⟨
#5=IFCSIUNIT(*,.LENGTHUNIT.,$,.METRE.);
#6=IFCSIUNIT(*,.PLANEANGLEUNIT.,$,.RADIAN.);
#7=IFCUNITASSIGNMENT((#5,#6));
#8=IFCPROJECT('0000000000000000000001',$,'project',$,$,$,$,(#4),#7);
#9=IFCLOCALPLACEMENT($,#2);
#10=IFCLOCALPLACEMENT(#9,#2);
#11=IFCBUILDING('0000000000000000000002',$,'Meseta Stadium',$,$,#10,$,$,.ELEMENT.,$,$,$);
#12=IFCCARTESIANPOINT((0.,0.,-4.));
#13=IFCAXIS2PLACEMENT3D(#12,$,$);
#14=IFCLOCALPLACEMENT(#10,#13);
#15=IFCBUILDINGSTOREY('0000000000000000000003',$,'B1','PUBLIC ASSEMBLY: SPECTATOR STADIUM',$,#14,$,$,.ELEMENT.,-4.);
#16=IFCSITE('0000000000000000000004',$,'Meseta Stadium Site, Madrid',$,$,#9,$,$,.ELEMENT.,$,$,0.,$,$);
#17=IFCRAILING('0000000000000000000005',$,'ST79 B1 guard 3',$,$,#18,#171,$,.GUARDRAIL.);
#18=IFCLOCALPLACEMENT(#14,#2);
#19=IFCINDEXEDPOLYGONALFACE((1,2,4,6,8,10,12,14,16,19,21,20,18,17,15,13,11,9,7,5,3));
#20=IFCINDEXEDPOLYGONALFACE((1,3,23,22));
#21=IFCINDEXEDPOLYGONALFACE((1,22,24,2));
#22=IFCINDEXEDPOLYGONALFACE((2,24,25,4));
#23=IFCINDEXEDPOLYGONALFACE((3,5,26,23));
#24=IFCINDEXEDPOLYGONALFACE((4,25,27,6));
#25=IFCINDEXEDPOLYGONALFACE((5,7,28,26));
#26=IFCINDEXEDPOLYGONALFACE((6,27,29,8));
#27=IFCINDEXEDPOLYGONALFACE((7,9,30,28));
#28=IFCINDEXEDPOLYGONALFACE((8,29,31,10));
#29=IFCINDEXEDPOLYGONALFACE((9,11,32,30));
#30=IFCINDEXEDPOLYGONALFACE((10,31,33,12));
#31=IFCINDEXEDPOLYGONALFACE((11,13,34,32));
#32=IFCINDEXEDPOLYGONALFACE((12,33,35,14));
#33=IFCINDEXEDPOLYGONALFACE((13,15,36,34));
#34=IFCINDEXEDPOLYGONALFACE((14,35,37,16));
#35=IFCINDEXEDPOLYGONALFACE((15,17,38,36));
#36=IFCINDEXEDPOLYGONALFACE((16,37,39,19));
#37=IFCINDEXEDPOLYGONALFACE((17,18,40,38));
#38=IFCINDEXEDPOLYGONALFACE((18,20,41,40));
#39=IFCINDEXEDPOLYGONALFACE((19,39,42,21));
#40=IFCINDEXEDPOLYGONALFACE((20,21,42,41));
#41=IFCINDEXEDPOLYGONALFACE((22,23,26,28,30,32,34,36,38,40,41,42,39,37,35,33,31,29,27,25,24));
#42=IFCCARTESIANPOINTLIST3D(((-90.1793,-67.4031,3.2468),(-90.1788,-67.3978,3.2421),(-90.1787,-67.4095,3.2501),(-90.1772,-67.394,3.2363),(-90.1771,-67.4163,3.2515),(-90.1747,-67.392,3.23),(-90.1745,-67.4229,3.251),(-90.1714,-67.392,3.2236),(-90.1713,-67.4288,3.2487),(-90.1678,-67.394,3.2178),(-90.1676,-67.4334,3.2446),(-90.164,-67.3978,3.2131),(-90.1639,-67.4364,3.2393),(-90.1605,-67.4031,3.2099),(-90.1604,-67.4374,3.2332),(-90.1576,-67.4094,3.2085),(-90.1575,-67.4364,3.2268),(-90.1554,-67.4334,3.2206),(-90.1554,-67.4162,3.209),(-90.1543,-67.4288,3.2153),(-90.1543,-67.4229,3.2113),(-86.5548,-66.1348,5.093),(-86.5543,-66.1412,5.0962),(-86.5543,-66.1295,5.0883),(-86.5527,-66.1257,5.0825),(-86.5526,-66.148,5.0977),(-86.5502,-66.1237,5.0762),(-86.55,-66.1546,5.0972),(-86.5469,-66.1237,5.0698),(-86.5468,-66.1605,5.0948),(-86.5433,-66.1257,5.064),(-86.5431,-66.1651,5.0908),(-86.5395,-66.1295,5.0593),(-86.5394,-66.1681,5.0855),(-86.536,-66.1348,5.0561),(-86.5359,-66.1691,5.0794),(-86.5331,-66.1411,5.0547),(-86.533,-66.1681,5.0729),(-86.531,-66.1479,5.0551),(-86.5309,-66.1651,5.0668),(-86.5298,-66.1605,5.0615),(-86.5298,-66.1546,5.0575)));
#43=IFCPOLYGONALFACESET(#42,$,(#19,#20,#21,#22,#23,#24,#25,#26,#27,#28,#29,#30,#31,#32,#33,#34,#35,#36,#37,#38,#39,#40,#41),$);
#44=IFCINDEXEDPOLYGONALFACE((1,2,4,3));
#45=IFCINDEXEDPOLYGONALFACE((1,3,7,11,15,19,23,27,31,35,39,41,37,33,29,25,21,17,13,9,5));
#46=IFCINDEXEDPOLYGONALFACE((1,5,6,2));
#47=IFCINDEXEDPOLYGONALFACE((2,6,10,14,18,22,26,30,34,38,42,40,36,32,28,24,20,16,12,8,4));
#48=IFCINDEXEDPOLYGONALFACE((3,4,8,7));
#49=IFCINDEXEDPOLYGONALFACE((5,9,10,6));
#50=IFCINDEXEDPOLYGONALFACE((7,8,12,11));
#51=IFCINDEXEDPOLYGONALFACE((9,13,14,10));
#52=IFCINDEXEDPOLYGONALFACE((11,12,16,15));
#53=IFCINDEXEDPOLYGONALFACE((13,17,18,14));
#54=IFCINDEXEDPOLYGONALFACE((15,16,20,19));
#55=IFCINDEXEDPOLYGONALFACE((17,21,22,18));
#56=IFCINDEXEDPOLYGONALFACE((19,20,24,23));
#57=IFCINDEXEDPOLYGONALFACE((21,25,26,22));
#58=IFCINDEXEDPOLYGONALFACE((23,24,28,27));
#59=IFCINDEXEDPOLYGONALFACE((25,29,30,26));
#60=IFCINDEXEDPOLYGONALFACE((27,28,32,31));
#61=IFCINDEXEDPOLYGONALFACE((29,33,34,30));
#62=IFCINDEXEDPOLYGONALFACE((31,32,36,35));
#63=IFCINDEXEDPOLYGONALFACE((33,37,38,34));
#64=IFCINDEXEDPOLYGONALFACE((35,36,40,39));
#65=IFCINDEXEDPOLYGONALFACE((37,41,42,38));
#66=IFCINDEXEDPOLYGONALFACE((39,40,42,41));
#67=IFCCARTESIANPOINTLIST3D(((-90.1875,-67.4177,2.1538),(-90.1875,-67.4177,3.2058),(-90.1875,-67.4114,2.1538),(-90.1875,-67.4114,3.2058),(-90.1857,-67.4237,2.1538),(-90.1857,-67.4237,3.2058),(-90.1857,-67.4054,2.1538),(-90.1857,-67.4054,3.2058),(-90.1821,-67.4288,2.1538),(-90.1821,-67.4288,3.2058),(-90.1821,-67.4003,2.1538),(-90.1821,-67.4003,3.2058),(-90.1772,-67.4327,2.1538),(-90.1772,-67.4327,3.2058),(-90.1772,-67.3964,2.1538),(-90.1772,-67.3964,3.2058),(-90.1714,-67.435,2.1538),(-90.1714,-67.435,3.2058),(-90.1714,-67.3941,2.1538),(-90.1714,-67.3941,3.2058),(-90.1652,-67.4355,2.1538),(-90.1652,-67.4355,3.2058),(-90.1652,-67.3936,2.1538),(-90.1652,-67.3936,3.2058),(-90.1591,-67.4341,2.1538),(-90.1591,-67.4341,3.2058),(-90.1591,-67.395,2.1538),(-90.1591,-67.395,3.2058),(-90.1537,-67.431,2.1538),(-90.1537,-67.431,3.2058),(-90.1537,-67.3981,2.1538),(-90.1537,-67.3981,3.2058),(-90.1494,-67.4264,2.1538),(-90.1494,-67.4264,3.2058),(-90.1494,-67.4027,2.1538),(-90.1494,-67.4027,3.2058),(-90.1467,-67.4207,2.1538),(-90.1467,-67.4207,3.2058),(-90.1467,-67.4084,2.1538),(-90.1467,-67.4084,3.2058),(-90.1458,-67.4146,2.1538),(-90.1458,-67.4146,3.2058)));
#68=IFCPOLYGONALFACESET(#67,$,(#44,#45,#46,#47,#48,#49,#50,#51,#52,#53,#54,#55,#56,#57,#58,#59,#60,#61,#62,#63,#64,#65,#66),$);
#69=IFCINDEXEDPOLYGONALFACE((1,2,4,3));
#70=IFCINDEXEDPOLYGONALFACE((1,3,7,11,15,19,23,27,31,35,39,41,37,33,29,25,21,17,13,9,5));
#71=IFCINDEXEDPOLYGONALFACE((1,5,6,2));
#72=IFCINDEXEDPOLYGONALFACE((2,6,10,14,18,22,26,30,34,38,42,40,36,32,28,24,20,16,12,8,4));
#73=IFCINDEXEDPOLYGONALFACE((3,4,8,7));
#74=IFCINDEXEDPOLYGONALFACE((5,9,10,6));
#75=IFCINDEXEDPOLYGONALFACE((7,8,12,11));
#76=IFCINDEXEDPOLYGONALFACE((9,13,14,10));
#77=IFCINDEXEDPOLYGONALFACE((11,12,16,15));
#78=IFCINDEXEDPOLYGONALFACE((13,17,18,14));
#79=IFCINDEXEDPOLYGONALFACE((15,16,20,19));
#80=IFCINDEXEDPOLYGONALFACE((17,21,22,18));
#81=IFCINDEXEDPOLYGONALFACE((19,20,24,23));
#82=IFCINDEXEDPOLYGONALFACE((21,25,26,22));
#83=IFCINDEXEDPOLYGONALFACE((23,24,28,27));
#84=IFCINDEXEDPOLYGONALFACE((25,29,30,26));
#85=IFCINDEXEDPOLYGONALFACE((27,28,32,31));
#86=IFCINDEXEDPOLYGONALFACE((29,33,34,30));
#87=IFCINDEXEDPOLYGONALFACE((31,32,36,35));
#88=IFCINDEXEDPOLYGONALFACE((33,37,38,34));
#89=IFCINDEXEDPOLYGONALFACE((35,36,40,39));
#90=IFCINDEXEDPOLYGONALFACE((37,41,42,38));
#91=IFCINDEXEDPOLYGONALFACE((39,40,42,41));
⟩
- **Exercise instructions**: Exact copies of the line with "#83=IFCINDEXEDPOLYGONALFACE((23,24,28,27));" and of every later line in the entries make up the whole answer.

- **Answer area**:
#83=IFCINDEXEDPOLYGONALFACE((23,24,28,27));
#84=IFCINDEXEDPOLYGONALFACE((25,29,30,26));
#85=IFCINDEXEDPOLYGONALFACE((27,28,32,31));
#86=IFCINDEXEDPOLYGONALFACE((29,33,34,30));
#87=IFCINDEXEDPOLYGONALFACE((31,32,36,35));
#88=IFCINDEXEDPOLYGONALFACE((33,37,38,34));
#89=IFCINDEXEDPOLYGONALFACE((35,36,40,39));
#90=IFCINDEXEDPOLYGONALFACE((37,41,42,38));
#91=IFCINDEXEDPOLYGONALFACE((39,40,42,41));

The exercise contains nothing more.